> WHAT YOU HAVE TO DO: Give back the entries exactly, ending with the "#107=IFCLOCALPLACEMENT(#14,#2);" line.

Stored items
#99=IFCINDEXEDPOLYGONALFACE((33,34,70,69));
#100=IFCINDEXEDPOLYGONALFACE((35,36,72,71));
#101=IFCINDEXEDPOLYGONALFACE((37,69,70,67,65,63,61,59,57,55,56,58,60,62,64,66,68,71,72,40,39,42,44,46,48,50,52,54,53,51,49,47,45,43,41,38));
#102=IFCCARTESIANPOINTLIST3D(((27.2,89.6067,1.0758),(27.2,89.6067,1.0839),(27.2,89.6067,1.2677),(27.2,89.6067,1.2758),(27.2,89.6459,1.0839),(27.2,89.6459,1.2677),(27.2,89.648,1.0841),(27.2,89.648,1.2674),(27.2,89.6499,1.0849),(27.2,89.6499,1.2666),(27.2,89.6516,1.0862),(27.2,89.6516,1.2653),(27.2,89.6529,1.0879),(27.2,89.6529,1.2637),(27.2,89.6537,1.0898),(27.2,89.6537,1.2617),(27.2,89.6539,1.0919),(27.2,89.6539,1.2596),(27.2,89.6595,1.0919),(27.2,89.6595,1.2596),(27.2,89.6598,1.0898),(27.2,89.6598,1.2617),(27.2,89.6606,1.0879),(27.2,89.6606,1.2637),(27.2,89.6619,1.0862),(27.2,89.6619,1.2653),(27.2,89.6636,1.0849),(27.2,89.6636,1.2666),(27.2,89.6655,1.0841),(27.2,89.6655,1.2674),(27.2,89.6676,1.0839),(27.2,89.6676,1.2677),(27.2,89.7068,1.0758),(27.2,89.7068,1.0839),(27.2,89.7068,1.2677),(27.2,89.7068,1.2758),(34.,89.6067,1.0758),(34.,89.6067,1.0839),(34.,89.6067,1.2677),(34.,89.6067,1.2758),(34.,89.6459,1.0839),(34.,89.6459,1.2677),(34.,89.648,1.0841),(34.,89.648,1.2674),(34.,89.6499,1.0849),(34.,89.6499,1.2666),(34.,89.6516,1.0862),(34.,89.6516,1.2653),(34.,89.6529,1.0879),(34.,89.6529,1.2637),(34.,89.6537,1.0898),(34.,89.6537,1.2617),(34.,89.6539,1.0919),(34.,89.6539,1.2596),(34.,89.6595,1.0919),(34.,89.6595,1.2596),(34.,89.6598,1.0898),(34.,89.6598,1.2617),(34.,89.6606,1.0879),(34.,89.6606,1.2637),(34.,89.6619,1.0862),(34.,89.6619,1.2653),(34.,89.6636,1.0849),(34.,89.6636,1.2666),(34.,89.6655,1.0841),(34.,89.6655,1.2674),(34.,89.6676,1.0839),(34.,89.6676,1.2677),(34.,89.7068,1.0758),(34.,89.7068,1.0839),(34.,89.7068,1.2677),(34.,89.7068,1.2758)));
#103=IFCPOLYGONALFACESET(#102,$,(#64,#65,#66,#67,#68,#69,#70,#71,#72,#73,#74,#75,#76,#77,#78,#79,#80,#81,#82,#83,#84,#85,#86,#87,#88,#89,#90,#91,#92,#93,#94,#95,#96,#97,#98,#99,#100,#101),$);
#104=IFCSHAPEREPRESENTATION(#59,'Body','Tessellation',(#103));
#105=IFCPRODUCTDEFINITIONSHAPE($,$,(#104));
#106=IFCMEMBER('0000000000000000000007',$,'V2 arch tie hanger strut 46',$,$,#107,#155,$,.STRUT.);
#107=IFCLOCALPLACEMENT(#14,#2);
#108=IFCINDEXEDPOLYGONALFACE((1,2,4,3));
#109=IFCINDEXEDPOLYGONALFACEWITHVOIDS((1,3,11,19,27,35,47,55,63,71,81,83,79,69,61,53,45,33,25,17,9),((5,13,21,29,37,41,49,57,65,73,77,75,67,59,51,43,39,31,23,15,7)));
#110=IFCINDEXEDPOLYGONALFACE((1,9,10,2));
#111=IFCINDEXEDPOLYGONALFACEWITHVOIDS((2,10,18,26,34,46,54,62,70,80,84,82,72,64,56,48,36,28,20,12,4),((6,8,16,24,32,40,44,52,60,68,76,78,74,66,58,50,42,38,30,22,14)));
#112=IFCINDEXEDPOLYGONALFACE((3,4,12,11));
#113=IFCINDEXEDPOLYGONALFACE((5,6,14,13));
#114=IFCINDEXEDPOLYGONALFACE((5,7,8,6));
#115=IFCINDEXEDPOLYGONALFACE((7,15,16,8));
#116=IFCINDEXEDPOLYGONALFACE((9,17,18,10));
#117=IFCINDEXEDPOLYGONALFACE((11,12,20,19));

> YOUR RESPONSE:
#99=IFCINDEXEDPOLYGONALFACE((33,34,70,69));
#100=IFCINDEXEDPOLYGONALFACE((35,36,72,71));
#101=IFCINDEXEDPOLYGONALFACE((37,69,70,67,65,63,61,59,57,55,56,58,60,62,64,66,68,71,72,40,39,42,44,46,48,50,52,54,53,51,49,47,45,43,41,38));
#102=IFCCARTESIANPOINTLIST3D(((27.2,89.6067,1.0758),(27.2,89.6067,1.0839),(27.2,89.6067,1.2677),(27.2,89.6067,1.2758),(27.2,89.6459,1.0839),(27.2,89.6459,1.2677),(27.2,89.648,1.0841),(27.2,89.648,1.2674),(27.2,89.6499,1.0849),(27.2,89.6499,1.2666),(27.2,89.6516,1.0862),(27.2,89.6516,1.2653),(27.2,89.6529,1.0879),(27.2,89.6529,1.2637),(27.2,89.6537,1.0898),(27.2,89.6537,1.2617),(27.2,89.6539,1.0919),(27.2,89.6539,1.2596),(27.2,89.6595,1.0919),(27.2,89.6595,1.2596),(27.2,89.6598,1.0898),(27.2,89.6598,1.2617),(27.2,89.6606,1.0879),(27.2,89.6606,1.2637),(27.2,89.6619,1.0862),(27.2,89.6619,1.2653),(27.2,89.6636,1.0849),(27.2,89.6636,1.2666),(27.2,89.6655,1.0841),(27.2,89.6655,1.2674),(27.2,89.6676,1.0839),(27.2,89.6676,1.2677),(27.2,89.7068,1.0758),(27.2,89.7068,1.0839),(27.2,89.7068,1.2677),(27.2,89.7068,1.2758),(34.,89.6067,1.0758),(34.,89.6067,1.0839),(34.,89.6067,1.2677),(34.,89.6067,1.2758),(34.,89.6459,1.0839),(34.,89.6459,1.2677),(34.,89.648,1.0841),(34.,89.648,1.2674),(34.,89.6499,1.0849),(34.,89.6499,1.2666),(34.,89.6516,1.0862),(34.,89.6516,1.2653),(34.,89.6529,1.0879),(34.,89.6529,1.2637),(34.,89.6537,1.0898),(34.,89.6537,1.2617),(34.,89.6539,1.0919),(34.,89.6539,1.2596),(34.,89.6595,1.0919),(34.,89.6595,1.2596),(34.,89.6598,1.0898),(34.,89.6598,1.2617),(34.,89.6606,1.0879),(34.,89.6606,1.2637),(34.,89.6619,1.0862),(34.,89.6619,1.2653),(34.,89.6636,1.0849),(34.,89.6636,1.2666),(34.,89.6655,1.0841),(34.,89.6655,1.2674),(34.,89.6676,1.0839),(34.,89.6676,1.2677),(34.,89.7068,1.0758),(34.,89.7068,1.0839),(34.,89.7068,1.2677),(34.,89.7068,1.2758)));
#103=IFCPOLYGONALFACESET(#102,$,(#64,#65,#66,#67,#68,#69,#70,#71,#72,#73,#74,#75,#76,#77,#78,#79,#80,#81,#82,#83,#84,#85,#86,#87,#88,#89,#90,#91,#92,#93,#94,#95,#96,#97,#98,#99,#100,#101),$);
#104=IFCSHAPEREPRESENTATION(#59,'Body','Tessellation',(#103));
#105=IFCPRODUCTDEFINITIONSHAPE($,$,(#104));
#106=IFCMEMBER('0000000000000000000007',$,'V2 arch tie hanger strut 46',$,$,#107,#155,$,.STRUT.);
#107=IFCLOCALPLACEMENT(#14,#2);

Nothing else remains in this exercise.